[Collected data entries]
------------

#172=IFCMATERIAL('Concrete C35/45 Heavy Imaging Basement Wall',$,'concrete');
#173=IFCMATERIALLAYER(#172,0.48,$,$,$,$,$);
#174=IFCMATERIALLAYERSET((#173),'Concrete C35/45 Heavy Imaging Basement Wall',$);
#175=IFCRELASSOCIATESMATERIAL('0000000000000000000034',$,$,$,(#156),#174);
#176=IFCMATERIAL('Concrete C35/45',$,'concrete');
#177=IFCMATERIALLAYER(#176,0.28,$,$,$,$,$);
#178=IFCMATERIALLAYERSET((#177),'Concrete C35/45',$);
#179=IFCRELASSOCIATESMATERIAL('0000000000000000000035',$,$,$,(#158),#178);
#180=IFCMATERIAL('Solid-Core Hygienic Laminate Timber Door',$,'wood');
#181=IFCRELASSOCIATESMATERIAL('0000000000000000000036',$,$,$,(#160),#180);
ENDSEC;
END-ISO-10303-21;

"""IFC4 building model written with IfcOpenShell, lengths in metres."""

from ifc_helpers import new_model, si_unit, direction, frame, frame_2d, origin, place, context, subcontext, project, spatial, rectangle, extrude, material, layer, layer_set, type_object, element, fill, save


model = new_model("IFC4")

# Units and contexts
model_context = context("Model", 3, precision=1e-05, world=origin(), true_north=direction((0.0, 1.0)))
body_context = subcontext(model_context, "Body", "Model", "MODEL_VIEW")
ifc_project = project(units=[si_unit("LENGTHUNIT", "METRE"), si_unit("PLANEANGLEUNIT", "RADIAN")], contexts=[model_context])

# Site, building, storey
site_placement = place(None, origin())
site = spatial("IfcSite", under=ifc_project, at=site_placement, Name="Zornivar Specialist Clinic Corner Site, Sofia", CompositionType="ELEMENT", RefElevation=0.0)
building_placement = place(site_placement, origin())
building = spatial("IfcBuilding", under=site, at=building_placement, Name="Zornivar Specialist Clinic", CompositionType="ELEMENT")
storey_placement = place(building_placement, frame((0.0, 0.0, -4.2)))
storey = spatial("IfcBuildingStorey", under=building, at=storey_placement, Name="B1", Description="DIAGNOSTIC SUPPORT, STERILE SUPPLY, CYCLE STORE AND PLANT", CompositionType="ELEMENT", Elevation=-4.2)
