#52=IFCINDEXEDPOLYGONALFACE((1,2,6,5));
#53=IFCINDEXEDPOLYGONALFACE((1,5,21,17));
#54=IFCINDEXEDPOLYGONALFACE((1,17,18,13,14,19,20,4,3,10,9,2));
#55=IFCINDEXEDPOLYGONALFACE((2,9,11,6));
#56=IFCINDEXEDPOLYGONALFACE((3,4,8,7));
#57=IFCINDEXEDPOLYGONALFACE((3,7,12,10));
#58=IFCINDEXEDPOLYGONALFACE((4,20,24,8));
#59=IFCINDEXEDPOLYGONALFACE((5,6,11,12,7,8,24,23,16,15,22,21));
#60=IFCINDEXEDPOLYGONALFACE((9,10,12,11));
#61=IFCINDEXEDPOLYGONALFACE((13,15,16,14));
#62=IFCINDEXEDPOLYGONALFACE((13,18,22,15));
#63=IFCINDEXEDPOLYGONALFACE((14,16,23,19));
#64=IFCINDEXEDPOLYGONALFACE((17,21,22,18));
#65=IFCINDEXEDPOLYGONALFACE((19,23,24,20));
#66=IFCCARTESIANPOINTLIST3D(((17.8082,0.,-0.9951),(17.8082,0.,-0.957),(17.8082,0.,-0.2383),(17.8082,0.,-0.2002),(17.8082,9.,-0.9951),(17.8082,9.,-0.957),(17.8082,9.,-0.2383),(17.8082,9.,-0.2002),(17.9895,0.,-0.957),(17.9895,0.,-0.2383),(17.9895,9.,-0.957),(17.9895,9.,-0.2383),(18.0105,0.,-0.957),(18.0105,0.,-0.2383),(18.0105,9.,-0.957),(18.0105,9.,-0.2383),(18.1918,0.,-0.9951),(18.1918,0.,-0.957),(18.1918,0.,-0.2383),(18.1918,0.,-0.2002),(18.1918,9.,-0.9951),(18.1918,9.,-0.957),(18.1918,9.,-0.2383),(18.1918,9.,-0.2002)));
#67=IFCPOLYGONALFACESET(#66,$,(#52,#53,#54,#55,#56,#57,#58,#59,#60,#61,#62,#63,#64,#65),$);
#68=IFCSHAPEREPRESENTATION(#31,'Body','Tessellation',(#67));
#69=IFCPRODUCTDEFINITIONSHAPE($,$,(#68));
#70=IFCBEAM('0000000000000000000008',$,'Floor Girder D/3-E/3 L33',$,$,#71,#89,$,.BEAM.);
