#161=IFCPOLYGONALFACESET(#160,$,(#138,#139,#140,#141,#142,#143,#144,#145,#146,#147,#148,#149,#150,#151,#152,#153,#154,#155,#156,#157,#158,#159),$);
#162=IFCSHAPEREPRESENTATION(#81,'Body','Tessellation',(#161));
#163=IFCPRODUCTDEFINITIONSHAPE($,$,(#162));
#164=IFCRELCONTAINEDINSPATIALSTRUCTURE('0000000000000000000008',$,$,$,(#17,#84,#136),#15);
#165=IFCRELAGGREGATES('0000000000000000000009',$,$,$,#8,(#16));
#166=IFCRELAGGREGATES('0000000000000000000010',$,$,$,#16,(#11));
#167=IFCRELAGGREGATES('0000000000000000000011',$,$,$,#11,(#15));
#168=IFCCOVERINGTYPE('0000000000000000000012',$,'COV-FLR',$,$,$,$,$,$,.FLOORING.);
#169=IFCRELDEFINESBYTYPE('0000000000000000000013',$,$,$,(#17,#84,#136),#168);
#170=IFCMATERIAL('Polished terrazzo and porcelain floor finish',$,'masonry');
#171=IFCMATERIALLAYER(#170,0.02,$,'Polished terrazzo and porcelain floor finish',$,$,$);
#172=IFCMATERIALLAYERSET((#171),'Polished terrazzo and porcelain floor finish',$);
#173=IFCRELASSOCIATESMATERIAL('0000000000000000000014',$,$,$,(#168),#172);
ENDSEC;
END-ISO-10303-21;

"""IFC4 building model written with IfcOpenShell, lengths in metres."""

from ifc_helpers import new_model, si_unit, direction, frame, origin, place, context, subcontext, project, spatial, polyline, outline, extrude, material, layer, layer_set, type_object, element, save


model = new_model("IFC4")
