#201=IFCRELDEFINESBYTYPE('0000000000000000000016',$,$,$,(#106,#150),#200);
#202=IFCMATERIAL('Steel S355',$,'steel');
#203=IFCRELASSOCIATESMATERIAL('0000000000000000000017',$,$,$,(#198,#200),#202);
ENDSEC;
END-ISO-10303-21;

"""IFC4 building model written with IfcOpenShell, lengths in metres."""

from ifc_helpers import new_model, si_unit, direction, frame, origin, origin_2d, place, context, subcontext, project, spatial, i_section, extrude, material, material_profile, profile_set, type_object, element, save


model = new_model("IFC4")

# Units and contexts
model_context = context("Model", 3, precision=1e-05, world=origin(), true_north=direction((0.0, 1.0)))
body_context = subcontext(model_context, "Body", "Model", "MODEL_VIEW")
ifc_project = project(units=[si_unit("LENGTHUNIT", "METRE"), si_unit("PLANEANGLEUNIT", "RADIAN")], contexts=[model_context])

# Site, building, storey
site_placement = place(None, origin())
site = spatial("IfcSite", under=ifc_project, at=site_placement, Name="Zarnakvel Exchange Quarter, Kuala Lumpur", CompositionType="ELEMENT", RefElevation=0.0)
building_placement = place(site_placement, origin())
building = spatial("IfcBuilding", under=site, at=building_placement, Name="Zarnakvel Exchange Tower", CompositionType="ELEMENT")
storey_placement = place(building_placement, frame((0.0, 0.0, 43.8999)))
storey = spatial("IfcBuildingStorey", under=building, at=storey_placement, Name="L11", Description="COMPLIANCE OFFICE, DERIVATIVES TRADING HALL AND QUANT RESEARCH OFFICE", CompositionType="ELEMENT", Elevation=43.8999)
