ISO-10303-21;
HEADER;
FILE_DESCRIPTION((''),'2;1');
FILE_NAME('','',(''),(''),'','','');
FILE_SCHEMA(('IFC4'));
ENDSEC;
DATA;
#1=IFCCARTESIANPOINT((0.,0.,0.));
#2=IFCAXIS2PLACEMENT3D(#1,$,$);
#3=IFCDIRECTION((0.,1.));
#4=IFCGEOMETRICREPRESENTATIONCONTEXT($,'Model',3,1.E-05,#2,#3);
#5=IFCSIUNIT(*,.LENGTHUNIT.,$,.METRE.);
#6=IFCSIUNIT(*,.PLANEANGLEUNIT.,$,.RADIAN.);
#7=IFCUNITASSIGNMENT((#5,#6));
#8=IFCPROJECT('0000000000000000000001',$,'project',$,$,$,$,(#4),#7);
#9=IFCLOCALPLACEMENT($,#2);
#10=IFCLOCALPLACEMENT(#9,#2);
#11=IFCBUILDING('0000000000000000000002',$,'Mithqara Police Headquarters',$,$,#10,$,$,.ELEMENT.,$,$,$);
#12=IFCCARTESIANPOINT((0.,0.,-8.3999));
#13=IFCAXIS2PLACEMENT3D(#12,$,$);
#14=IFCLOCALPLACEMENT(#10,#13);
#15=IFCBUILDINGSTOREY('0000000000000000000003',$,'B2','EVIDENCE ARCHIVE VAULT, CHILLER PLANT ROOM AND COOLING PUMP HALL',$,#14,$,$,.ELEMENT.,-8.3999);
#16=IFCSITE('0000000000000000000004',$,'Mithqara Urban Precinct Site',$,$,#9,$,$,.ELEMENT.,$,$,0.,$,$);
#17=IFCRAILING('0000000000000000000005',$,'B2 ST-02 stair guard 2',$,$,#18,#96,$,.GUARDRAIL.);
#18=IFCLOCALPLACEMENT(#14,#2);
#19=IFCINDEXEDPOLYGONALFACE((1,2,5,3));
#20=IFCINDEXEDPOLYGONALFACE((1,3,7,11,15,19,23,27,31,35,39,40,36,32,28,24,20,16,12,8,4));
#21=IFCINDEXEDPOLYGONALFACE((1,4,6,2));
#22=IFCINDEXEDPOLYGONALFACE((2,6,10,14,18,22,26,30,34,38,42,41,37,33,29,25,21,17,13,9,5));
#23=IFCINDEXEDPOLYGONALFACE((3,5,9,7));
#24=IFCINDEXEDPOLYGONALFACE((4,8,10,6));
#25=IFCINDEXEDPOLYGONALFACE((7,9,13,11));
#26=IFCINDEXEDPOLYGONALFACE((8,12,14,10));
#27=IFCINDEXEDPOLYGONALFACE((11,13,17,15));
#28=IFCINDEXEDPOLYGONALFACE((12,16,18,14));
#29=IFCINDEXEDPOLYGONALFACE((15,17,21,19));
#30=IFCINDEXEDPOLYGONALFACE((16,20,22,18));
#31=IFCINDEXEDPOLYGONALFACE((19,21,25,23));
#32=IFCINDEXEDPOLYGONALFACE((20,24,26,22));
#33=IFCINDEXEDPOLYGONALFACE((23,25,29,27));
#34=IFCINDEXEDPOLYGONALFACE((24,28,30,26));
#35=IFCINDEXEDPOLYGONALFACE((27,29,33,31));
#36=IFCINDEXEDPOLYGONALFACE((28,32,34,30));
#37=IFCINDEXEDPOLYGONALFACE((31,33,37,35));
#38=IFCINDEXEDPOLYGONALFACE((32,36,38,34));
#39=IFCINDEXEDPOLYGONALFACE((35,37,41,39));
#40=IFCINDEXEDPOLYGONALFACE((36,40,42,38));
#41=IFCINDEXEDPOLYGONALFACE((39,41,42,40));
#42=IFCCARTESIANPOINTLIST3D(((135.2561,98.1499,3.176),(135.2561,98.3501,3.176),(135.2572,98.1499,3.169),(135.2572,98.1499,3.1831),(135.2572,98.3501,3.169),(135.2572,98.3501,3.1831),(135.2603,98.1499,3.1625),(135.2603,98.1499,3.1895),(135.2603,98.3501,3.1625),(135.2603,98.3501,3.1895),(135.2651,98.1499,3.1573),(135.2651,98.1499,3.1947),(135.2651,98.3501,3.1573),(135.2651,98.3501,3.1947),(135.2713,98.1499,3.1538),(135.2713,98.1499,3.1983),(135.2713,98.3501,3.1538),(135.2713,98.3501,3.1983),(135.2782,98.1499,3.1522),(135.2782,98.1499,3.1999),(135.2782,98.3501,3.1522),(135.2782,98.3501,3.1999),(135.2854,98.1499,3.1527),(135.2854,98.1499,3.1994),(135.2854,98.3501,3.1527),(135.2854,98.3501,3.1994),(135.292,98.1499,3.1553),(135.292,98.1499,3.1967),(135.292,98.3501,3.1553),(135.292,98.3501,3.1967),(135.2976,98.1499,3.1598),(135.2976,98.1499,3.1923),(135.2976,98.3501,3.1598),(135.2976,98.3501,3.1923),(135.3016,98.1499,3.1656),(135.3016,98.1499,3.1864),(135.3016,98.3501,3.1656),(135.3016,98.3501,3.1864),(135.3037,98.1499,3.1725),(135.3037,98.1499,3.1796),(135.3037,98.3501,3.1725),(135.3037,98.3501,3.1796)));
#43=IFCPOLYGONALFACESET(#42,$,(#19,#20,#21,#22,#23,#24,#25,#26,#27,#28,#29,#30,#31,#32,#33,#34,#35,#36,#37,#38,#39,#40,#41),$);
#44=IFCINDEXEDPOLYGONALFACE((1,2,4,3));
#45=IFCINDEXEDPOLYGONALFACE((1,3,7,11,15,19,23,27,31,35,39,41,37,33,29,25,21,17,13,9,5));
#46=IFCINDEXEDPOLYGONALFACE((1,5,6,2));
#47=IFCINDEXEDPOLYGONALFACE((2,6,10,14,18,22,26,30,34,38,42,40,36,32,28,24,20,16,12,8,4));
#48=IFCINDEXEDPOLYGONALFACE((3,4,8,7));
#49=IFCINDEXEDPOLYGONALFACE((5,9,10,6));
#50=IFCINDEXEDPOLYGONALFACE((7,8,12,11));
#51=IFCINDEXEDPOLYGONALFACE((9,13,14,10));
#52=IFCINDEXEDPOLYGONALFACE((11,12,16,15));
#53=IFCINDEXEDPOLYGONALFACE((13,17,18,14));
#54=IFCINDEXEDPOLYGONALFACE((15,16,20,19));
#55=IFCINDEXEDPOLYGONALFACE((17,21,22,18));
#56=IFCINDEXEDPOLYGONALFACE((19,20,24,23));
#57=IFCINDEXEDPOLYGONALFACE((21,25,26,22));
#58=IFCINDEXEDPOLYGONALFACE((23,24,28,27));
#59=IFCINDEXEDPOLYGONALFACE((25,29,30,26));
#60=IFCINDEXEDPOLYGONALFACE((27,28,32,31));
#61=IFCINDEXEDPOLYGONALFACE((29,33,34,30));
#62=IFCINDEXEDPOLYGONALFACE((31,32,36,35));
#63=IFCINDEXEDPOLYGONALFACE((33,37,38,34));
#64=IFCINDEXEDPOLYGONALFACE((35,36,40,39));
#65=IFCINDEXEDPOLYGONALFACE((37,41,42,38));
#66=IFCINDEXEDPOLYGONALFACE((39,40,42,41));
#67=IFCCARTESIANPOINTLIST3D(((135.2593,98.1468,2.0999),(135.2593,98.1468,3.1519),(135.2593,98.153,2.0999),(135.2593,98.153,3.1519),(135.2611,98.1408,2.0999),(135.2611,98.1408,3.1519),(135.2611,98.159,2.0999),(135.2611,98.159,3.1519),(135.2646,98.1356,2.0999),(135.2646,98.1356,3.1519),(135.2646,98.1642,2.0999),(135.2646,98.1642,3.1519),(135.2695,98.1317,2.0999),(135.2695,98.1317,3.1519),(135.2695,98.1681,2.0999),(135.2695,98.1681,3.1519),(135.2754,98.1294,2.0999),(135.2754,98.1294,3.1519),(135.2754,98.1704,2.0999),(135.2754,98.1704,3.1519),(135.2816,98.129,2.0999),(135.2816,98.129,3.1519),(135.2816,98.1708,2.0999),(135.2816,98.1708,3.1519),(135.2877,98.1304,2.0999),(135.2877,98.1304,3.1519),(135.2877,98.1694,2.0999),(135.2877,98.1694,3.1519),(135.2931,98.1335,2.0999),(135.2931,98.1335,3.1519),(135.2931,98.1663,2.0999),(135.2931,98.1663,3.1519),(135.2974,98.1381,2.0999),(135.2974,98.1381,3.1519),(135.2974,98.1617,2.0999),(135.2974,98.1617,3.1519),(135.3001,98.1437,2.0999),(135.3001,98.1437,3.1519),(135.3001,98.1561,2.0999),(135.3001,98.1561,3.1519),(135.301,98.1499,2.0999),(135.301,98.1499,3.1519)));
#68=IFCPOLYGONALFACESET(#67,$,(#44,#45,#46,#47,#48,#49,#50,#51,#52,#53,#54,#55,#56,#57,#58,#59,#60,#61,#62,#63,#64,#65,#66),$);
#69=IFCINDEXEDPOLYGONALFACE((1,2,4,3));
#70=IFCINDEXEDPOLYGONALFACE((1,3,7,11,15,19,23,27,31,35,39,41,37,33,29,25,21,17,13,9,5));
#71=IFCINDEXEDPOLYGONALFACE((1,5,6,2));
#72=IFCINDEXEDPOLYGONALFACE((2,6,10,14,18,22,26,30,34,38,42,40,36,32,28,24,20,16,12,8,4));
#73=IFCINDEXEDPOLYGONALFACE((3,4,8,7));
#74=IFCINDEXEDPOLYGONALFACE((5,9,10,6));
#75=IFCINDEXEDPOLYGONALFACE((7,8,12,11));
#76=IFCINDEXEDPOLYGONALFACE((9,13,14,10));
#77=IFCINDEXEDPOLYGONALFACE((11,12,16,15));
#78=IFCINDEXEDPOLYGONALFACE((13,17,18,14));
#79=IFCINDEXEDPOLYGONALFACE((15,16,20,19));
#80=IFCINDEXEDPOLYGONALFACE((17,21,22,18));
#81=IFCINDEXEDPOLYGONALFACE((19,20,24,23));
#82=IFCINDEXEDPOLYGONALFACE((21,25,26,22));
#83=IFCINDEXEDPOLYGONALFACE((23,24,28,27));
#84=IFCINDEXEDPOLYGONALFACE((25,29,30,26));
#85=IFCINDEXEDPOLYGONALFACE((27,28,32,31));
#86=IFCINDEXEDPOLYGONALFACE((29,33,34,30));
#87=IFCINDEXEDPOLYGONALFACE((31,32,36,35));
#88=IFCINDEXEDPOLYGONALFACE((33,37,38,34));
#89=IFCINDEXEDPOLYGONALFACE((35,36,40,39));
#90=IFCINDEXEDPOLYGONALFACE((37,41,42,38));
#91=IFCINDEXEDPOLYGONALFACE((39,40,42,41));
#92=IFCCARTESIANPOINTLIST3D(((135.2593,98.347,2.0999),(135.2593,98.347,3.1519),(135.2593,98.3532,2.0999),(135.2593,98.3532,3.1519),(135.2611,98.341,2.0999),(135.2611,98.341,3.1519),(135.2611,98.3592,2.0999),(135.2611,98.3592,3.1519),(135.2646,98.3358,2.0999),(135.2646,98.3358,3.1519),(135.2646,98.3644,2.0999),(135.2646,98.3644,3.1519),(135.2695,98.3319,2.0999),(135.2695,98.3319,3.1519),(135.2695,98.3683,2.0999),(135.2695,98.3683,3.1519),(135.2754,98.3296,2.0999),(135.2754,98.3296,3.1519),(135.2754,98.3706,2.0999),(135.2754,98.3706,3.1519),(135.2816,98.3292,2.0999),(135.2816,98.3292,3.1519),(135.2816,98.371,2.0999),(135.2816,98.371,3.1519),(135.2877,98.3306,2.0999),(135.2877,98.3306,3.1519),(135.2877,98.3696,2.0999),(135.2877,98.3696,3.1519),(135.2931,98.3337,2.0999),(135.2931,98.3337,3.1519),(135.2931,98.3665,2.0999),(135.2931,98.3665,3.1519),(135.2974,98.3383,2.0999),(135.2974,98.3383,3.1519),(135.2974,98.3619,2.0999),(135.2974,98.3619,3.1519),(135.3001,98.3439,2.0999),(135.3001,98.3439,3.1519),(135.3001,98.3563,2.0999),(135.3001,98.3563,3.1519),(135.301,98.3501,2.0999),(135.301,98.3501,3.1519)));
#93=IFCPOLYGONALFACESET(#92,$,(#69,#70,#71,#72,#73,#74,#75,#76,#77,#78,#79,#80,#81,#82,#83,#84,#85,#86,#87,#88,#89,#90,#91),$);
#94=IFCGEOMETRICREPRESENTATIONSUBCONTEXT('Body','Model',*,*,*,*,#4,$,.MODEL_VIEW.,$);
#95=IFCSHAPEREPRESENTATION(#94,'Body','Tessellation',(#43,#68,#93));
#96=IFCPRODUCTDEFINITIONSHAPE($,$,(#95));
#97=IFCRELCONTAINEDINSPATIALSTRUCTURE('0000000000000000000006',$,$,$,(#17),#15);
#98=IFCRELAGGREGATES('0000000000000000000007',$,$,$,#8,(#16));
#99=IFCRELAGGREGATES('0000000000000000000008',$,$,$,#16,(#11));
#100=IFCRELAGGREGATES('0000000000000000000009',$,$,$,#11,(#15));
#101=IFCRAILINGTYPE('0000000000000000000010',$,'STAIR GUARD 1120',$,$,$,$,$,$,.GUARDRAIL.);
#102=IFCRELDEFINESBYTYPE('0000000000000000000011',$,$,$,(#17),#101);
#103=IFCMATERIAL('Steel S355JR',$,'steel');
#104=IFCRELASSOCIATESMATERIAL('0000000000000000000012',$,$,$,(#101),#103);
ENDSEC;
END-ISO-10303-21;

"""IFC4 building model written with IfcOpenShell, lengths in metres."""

from ifc_helpers import new_model, si_unit, direction, frame, origin, origin_2d, place, context, subcontext, project, spatial, circle, extrude, material, type_object, element, save


model = new_model("IFC4")

# Units and contexts
model_context = context("Model", 3, precision=1e-05, world=origin(), true_north=direction((0.0, 1.0)))
body_context = subcontext(model_context, "Body", "Model", "MODEL_VIEW")
ifc_project = project(units=[si_unit("LENGTHUNIT", "METRE"), si_unit("PLANEANGLEUNIT", "RADIAN")], contexts=[model_context])

# Site, building, storey
site_placement = place(None, origin())
site = spatial("IfcSite", under=ifc_project, at=site_placement, Name="Mithqara Urban Precinct Site", CompositionType="ELEMENT", RefElevation=0.0)
building_placement = place(site_placement, origin())
building = spatial("IfcBuilding", under=site, at=building_placement, Name="Mithqara Police Headquarters", CompositionType="ELEMENT")
storey_placement = place(building_placement, frame((0.0, 0.0, -8.3999)))
storey = spatial("IfcBuildingStorey", under=building, at=storey_placement, Name="B2", Description="EVIDENCE ARCHIVE VAULT, CHILLER PLANT ROOM AND COOLING PUMP HALL", CompositionType="ELEMENT", Elevation=-8.3999)

# Shared definitions
ifc_material_1 = material(Name="Steel S355JR", Category="steel")

# Railing
railing_type = type_object("IfcRailingType", Name="STAIR GUARD 1120", PredefinedType="GUARDRAIL", material=ifc_material_1)
railing_1_placement = place(storey_placement, frame((135.28, 98.1499, 2.0999)))
element("IfcRailing", 1, at=railing_1_placement, inside=storey, type_object=railing_type, Name="B2 ST-02 stair guard 2", PredefinedType="GUARDRAIL", context=body_context, shape_type="SweptSolid", body=[
    extrude(circle(Radius=0.0239, at=origin_2d()), frame((0.0, 0.0, 1.0762), z_axis=(0.0, 1.0, 0.0), x_axis=(-1.0, 0.0, 0.0)), (0.0, 0.0, 1.0), 0.2002),
    extrude(circle(Radius=0.021, at=origin_2d()), origin(), (0.0, 0.0, 1.0), 1.052),
    extrude(circle(Radius=0.021, at=origin_2d()), frame((0.0, 0.2002, 0.0)), (0.0, 0.0, 1.0), 1.052),
])

save(model, "model.ifc")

------------

> **To do**:
Within the data above, how many lines include the word "Zarnakvel"? Respond with the number only.

> **Final answer**:
2